### What the task asks
Below are some records. Reproduce them exactly from their first line through the line with "#167=IFCLOCALPLACEMENT(#14,#2);", inclusive.
───── Exercise inputs
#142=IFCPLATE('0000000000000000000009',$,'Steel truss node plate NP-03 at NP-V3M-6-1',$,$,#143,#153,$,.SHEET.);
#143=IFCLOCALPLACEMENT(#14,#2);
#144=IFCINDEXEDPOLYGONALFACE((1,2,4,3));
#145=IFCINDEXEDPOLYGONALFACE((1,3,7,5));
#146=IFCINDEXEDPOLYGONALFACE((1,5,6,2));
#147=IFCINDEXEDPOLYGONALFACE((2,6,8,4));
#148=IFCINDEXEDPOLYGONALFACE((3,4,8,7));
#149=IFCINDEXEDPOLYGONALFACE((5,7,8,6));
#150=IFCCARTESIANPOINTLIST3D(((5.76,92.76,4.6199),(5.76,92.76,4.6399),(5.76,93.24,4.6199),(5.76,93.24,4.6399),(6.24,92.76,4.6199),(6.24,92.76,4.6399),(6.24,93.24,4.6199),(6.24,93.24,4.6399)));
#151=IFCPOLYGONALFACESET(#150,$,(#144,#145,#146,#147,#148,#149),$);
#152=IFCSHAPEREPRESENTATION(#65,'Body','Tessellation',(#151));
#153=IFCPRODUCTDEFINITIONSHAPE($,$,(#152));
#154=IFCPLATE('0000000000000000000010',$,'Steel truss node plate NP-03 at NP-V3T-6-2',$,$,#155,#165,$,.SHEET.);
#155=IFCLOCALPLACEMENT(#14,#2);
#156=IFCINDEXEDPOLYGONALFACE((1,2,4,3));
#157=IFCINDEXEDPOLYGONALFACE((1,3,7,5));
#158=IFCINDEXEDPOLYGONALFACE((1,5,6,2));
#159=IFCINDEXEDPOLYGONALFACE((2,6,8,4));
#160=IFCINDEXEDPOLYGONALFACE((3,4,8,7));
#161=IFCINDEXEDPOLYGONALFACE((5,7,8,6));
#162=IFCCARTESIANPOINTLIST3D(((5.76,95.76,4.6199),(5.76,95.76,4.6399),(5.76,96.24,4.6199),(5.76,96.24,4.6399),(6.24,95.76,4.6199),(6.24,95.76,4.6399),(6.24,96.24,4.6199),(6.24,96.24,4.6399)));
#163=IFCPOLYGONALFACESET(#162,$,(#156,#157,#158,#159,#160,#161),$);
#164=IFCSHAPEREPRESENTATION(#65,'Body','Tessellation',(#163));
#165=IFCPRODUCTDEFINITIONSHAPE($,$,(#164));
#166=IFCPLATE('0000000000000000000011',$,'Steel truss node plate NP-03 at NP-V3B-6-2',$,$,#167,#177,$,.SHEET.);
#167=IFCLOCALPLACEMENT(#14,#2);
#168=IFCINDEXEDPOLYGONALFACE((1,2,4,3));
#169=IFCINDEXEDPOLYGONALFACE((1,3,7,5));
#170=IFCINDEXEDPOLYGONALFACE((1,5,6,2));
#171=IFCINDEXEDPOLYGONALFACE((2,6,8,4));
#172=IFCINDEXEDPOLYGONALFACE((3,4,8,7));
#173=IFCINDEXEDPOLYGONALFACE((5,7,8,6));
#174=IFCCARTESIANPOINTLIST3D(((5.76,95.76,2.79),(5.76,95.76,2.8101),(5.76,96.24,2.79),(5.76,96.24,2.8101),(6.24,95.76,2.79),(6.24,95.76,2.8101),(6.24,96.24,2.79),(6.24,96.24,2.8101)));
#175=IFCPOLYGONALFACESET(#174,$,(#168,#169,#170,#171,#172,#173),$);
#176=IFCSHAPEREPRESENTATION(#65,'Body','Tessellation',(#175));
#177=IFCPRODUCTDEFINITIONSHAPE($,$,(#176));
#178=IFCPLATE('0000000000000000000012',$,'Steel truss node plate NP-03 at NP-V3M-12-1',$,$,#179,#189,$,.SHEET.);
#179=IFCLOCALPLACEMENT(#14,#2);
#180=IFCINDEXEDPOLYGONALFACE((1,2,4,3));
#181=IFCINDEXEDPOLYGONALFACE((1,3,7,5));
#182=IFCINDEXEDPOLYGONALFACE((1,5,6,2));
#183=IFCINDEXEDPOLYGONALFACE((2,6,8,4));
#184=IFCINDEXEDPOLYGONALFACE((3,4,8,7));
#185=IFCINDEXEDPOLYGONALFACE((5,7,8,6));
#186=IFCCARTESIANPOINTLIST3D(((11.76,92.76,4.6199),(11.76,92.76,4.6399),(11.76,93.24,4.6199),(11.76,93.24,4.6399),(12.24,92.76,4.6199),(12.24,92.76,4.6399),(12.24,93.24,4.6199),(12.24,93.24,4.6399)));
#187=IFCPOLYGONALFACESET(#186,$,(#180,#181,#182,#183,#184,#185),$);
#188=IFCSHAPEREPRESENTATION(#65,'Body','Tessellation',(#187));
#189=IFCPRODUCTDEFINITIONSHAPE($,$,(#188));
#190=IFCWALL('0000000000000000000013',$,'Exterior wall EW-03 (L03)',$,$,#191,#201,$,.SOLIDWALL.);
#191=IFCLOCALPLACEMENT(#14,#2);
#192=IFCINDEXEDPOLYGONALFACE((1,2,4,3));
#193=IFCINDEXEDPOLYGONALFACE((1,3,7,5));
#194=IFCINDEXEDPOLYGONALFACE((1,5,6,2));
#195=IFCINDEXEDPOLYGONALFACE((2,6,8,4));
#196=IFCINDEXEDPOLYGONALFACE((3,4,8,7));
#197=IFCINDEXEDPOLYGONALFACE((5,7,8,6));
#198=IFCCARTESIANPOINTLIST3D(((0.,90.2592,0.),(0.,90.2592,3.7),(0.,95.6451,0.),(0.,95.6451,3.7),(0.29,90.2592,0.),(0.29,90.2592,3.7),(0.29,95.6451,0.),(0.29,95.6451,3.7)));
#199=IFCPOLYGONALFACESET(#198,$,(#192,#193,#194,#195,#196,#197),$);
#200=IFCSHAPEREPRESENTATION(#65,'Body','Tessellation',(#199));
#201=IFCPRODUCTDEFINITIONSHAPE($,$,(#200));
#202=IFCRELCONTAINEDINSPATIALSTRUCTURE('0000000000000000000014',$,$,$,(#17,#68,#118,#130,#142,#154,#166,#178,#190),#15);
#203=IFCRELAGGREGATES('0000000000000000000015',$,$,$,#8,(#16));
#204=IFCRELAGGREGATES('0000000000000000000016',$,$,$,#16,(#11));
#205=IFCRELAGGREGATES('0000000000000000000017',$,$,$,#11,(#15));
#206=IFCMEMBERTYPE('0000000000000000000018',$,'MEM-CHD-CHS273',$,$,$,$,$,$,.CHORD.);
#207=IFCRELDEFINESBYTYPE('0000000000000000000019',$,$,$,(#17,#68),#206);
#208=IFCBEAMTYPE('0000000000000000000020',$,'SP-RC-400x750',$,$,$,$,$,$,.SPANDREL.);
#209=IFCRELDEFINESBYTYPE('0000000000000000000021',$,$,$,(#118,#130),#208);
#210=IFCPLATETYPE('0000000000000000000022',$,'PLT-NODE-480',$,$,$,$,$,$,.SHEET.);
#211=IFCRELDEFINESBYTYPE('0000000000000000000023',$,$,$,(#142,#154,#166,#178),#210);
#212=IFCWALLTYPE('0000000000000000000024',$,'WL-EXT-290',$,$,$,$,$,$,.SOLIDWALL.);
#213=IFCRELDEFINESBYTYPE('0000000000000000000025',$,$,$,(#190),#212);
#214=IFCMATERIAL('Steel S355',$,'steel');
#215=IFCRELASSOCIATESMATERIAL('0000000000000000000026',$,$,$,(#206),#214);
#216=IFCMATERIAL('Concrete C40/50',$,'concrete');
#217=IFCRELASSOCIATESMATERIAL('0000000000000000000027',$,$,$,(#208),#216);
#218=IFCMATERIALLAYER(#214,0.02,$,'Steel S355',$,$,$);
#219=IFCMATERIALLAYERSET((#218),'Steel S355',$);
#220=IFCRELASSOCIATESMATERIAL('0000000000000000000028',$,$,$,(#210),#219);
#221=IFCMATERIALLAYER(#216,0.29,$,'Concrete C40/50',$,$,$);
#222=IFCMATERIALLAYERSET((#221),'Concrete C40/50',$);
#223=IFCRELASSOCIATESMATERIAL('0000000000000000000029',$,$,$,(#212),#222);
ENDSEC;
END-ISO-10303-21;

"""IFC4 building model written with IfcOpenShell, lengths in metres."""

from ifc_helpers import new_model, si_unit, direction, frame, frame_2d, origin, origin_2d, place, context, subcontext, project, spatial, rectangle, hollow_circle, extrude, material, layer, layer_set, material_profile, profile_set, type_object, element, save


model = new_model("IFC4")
──────────
### Finished exercise
#142=IFCPLATE('0000000000000000000009',$,'Steel truss node plate NP-03 at NP-V3M-6-1',$,$,#143,#153,$,.SHEET.);
#143=IFCLOCALPLACEMENT(#14,#2);
#144=IFCINDEXEDPOLYGONALFACE((1,2,4,3));
#145=IFCINDEXEDPOLYGONALFACE((1,3,7,5));
#146=IFCINDEXEDPOLYGONALFACE((1,5,6,2));
#147=IFCINDEXEDPOLYGONALFACE((2,6,8,4));
#148=IFCINDEXEDPOLYGONALFACE((3,4,8,7));
#149=IFCINDEXEDPOLYGONALFACE((5,7,8,6));
#150=IFCCARTESIANPOINTLIST3D(((5.76,92.76,4.6199),(5.76,92.76,4.6399),(5.76,93.24,4.6199),(5.76,93.24,4.6399),(6.24,92.76,4.6199),(6.24,92.76,4.6399),(6.24,93.24,4.6199),(6.24,93.24,4.6399)));
#151=IFCPOLYGONALFACESET(#150,$,(#144,#145,#146,#147,#148,#149),$);
#152=IFCSHAPEREPRESENTATION(#65,'Body','Tessellation',(#151));
#153=IFCPRODUCTDEFINITIONSHAPE($,$,(#152));
#154=IFCPLATE('0000000000000000000010',$,'Steel truss node plate NP-03 at NP-V3T-6-2',$,$,#155,#165,$,.SHEET.);
#155=IFCLOCALPLACEMENT(#14,#2);
#156=IFCINDEXEDPOLYGONALFACE((1,2,4,3));
#157=IFCINDEXEDPOLYGONALFACE((1,3,7,5));
#158=IFCINDEXEDPOLYGONALFACE((1,5,6,2));
#159=IFCINDEXEDPOLYGONALFACE((2,6,8,4));
#160=IFCINDEXEDPOLYGONALFACE((3,4,8,7));
#161=IFCINDEXEDPOLYGONALFACE((5,7,8,6));
#162=IFCCARTESIANPOINTLIST3D(((5.76,95.76,4.6199),(5.76,95.76,4.6399),(5.76,96.24,4.6199),(5.76,96.24,4.6399),(6.24,95.76,4.6199),(6.24,95.76,4.6399),(6.24,96.24,4.6199),(6.24,96.24,4.6399)));
#163=IFCPOLYGONALFACESET(#162,$,(#156,#157,#158,#159,#160,#161),$);
#164=IFCSHAPEREPRESENTATION(#65,'Body','Tessellation',(#163));
#165=IFCPRODUCTDEFINITIONSHAPE($,$,(#164));
#166=IFCPLATE('0000000000000000000011',$,'Steel truss node plate NP-03 at NP-V3B-6-2',$,$,#167,#177,$,.SHEET.);
#167=IFCLOCALPLACEMENT(#14,#2);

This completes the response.